**What you are asked to do**
All of the data must be returned word for word.

**Records**

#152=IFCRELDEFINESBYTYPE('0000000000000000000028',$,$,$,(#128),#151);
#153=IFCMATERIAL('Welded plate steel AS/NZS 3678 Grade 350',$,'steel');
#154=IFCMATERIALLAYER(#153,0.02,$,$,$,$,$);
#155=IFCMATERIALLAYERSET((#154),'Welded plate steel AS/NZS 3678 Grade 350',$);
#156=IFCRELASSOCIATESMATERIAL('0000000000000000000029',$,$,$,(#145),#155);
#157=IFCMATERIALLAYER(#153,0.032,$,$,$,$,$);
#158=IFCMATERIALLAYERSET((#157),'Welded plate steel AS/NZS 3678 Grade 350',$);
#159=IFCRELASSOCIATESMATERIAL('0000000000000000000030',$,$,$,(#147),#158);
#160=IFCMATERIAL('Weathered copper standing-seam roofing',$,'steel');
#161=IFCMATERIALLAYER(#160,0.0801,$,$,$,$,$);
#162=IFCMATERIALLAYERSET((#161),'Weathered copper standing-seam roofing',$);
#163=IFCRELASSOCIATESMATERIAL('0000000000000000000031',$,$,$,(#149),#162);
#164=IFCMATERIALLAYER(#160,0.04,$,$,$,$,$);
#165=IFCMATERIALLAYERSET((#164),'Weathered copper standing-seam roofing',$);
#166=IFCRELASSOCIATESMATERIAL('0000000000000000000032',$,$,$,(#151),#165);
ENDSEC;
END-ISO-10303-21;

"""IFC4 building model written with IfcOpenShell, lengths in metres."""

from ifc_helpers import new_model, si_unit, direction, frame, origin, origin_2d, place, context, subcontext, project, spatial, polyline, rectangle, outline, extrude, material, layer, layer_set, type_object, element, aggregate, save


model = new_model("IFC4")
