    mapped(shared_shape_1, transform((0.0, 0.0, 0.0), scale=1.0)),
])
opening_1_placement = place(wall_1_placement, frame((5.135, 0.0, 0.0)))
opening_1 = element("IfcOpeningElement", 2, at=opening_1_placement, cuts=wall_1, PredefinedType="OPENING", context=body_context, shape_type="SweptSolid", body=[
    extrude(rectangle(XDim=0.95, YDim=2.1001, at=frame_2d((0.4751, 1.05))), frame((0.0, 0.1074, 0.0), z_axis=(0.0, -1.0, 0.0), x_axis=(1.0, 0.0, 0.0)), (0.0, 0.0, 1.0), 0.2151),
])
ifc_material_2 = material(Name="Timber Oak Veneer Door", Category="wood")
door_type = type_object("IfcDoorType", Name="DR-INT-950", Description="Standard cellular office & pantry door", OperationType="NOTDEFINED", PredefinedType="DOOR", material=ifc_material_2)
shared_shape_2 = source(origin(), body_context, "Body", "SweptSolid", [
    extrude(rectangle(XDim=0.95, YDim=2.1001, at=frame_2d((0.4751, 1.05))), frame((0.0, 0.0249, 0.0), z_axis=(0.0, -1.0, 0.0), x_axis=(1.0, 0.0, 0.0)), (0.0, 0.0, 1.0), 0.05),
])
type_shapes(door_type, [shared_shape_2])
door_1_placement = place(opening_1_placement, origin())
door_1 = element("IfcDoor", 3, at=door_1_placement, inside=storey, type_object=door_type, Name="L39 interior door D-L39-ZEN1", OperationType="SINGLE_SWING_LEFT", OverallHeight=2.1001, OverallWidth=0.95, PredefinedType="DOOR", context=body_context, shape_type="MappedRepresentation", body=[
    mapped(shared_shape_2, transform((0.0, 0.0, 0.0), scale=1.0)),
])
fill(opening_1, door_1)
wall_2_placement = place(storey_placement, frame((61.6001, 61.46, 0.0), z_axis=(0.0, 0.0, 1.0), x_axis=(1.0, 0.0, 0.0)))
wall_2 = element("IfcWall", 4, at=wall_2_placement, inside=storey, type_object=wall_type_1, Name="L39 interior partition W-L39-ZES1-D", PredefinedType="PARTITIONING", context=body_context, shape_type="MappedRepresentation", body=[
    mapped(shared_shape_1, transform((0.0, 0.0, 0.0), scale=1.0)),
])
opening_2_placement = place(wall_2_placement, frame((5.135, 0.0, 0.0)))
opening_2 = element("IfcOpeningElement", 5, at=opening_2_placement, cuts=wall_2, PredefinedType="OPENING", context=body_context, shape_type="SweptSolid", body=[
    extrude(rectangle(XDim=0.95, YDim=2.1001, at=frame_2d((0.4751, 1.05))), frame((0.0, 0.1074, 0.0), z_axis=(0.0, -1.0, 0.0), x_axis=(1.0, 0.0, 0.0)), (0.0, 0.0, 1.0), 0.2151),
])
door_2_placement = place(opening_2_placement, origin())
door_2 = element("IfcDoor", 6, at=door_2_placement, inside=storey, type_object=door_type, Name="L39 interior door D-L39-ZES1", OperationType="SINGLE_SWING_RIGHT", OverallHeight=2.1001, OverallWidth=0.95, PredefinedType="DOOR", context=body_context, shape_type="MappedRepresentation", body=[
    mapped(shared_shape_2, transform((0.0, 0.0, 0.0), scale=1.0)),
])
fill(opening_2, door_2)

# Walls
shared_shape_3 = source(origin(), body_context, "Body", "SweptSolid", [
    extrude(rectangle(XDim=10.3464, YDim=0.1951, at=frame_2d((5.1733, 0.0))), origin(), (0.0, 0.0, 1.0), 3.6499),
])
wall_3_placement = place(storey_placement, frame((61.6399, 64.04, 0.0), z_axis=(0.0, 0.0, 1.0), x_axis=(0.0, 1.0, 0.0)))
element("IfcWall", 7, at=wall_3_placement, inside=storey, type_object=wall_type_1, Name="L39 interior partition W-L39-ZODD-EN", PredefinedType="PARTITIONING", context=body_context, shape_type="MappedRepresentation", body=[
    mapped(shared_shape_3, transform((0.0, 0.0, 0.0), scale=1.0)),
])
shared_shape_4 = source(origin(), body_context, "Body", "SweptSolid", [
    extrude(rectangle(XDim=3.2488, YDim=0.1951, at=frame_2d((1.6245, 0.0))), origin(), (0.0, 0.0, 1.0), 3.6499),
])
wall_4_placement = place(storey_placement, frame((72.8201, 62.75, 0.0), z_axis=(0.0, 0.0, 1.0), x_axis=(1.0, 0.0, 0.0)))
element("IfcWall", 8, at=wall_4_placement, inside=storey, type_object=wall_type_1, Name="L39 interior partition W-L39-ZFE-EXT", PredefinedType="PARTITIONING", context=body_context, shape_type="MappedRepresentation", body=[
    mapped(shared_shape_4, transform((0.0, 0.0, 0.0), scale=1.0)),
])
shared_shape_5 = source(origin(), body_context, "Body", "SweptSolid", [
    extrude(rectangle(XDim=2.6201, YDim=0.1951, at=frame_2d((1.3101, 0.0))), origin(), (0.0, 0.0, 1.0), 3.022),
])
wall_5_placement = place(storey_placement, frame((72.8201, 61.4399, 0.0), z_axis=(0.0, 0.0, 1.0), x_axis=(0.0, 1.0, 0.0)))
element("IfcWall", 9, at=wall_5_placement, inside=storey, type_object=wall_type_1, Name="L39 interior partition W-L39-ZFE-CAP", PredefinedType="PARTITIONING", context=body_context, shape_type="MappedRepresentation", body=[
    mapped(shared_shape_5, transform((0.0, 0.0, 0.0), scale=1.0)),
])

**Solution to this problem**
#152=IFCRELDEFINESBYTYPE('0000000000000000000028',$,$,$,(#128),#151);
#153=IFCMATERIAL('Welded plate steel AS/NZS 3678 Grade 350',$,'steel');
#154=IFCMATERIALLAYER(#153,0.02,$,$,$,$,$);
#155=IFCMATERIALLAYERSET((#154),'Welded plate steel AS/NZS 3678 Grade 350',$);
#156=IFCRELASSOCIATESMATERIAL('0000000000000000000029',$,$,$,(#145),#155);
#157=IFCMATERIALLAYER(#153,0.032,$,$,$,$,$);
#158=IFCMATERIALLAYERSET((#157),'Welded plate steel AS/NZS 3678 Grade 350',$);
#159=IFCRELASSOCIATESMATERIAL('0000000000000000000030',$,$,$,(#147),#158);
#160=IFCMATERIAL('Weathered copper standing-seam roofing',$,'steel');
#161=IFCMATERIALLAYER(#160,0.0801,$,$,$,$,$);
#162=IFCMATERIALLAYERSET((#161),'Weathered copper standing-seam roofing',$);
#163=IFCRELASSOCIATESMATERIAL('0000000000000000000031',$,$,$,(#149),#162);
#164=IFCMATERIALLAYER(#160,0.04,$,$,$,$,$);
#165=IFCMATERIALLAYERSET((#164),'Weathered copper standing-seam roofing',$);
#166=IFCRELASSOCIATESMATERIAL('0000000000000000000032',$,$,$,(#151),#165);
ENDSEC;
END-ISO-10303-21;

"""IFC4 building model written with IfcOpenShell, lengths in metres."""

from ifc_helpers import new_model, si_unit, direction, frame, origin, origin_2d, place, context, subcontext, project, spatial, polyline, rectangle, outline, extrude, material, layer, layer_set, type_object, element, aggregate, save


model = new_model("IFC4")
    mapped(shared_shape_1, transform((0.0, 0.0, 0.0), scale=1.0)),
])
opening_1_placement = place(wall_1_placement, frame((5.135, 0.0, 0.0)))
opening_1 = element("IfcOpeningElement", 2, at=opening_1_placement, cuts=wall_1, PredefinedType="OPENING", context=body_context, shape_type="SweptSolid", body=[
    extrude(rectangle(XDim=0.95, YDim=2.1001, at=frame_2d((0.4751, 1.05))), frame((0.0, 0.1074, 0.0), z_axis=(0.0, -1.0, 0.0), x_axis=(1.0, 0.0, 0.0)), (0.0, 0.0, 1.0), 0.2151),
])
ifc_material_2 = material(Name="Timber Oak Veneer Door", Category="wood")
door_type = type_object("IfcDoorType", Name="DR-INT-950", Description="Standard cellular office & pantry door", OperationType="NOTDEFINED", PredefinedType="DOOR", material=ifc_material_2)
shared_shape_2 = source(origin(), body_context, "Body", "SweptSolid", [
    extrude(rectangle(XDim=0.95, YDim=2.1001, at=frame_2d((0.4751, 1.05))), frame((0.0, 0.0249, 0.0), z_axis=(0.0, -1.0, 0.0), x_axis=(1.0, 0.0, 0.0)), (0.0, 0.0, 1.0), 0.05),
])
type_shapes(door_type, [shared_shape_2])
door_1_placement = place(opening_1_placement, origin())
door_1 = element("IfcDoor", 3, at=door_1_placement, inside=storey, type_object=door_type, Name="L39 interior door D-L39-ZEN1", OperationType="SINGLE_SWING_LEFT", OverallHeight=2.1001, OverallWidth=0.95, PredefinedType="DOOR", context=body_context, shape_type="MappedRepresentation", body=[
    mapped(shared_shape_2, transform((0.0, 0.0, 0.0), scale=1.0)),
])
fill(opening_1, door_1)
wall_2_placement = place(storey_placement, frame((61.6001, 61.46, 0.0), z_axis=(0.0, 0.0, 1.0), x_axis=(1.0, 0.0, 0.0)))
wall_2 = element("IfcWall", 4, at=wall_2_placement, inside=storey, type_object=wall_type_1, Name="L39 interior partition W-L39-ZES1-D", PredefinedType="PARTITIONING", context=body_context, shape_type="MappedRepresentation", body=[
    mapped(shared_shape_1, transform((0.0, 0.0, 0.0), scale=1.0)),
])
opening_2_placement = place(wall_2_placement, frame((5.135, 0.0, 0.0)))
opening_2 = element("IfcOpeningElement", 5, at=opening_2_placement, cuts=wall_2, PredefinedType="OPENING", context=body_context, shape_type="SweptSolid", body=[
    extrude(rectangle(XDim=0.95, YDim=2.1001, at=frame_2d((0.4751, 1.05))), frame((0.0, 0.1074, 0.0), z_axis=(0.0, -1.0, 0.0), x_axis=(1.0, 0.0, 0.0)), (0.0, 0.0, 1.0), 0.2151),
])
door_2_placement = place(opening_2_placement, origin())
door_2 = element("IfcDoor", 6, at=door_2_placement, inside=storey, type_object=door_type, Name="L39 interior door D-L39-ZES1", OperationType="SINGLE_SWING_RIGHT", OverallHeight=2.1001, OverallWidth=0.95, PredefinedType="DOOR", context=body_context, shape_type="MappedRepresentation", body=[
    mapped(shared_shape_2, transform((0.0, 0.0, 0.0), scale=1.0)),
])
fill(opening_2, door_2)

# Walls
shared_shape_3 = source(origin(), body_context, "Body", "SweptSolid", [
    extrude(rectangle(XDim=10.3464, YDim=0.1951, at=frame_2d((5.1733, 0.0))), origin(), (0.0, 0.0, 1.0), 3.6499),
])
wall_3_placement = place(storey_placement, frame((61.6399, 64.04, 0.0), z_axis=(0.0, 0.0, 1.0), x_axis=(0.0, 1.0, 0.0)))
element("IfcWall", 7, at=wall_3_placement, inside=storey, type_object=wall_type_1, Name="L39 interior partition W-L39-ZODD-EN", PredefinedType="PARTITIONING", context=body_context, shape_type="MappedRepresentation", body=[
    mapped(shared_shape_3, transform((0.0, 0.0, 0.0), scale=1.0)),
])
shared_shape_4 = source(origin(), body_context, "Body", "SweptSolid", [
    extrude(rectangle(XDim=3.2488, YDim=0.1951, at=frame_2d((1.6245, 0.0))), origin(), (0.0, 0.0, 1.0), 3.6499),
])
wall_4_placement = place(storey_placement, frame((72.8201, 62.75, 0.0), z_axis=(0.0, 0.0, 1.0), x_axis=(1.0, 0.0, 0.0)))
element("IfcWall", 8, at=wall_4_placement, inside=storey, type_object=wall_type_1, Name="L39 interior partition W-L39-ZFE-EXT", PredefinedType="PARTITIONING", context=body_context, shape_type="MappedRepresentation", body=[
    mapped(shared_shape_4, transform((0.0, 0.0, 0.0), scale=1.0)),
])
shared_shape_5 = source(origin(), body_context, "Body", "SweptSolid", [
    extrude(rectangle(XDim=2.6201, YDim=0.1951, at=frame_2d((1.3101, 0.0))), origin(), (0.0, 0.0, 1.0), 3.022),
])
wall_5_placement = place(storey_placement, frame((72.8201, 61.4399, 0.0), z_axis=(0.0, 0.0, 1.0), x_axis=(0.0, 1.0, 0.0)))
element("IfcWall", 9, at=wall_5_placement, inside=storey, type_object=wall_type_1, Name="L39 interior partition W-L39-ZFE-CAP", PredefinedType="PARTITIONING", context=body_context, shape_type="MappedRepresentation", body=[
    mapped(shared_shape_5, transform((0.0, 0.0, 0.0), scale=1.0)),
])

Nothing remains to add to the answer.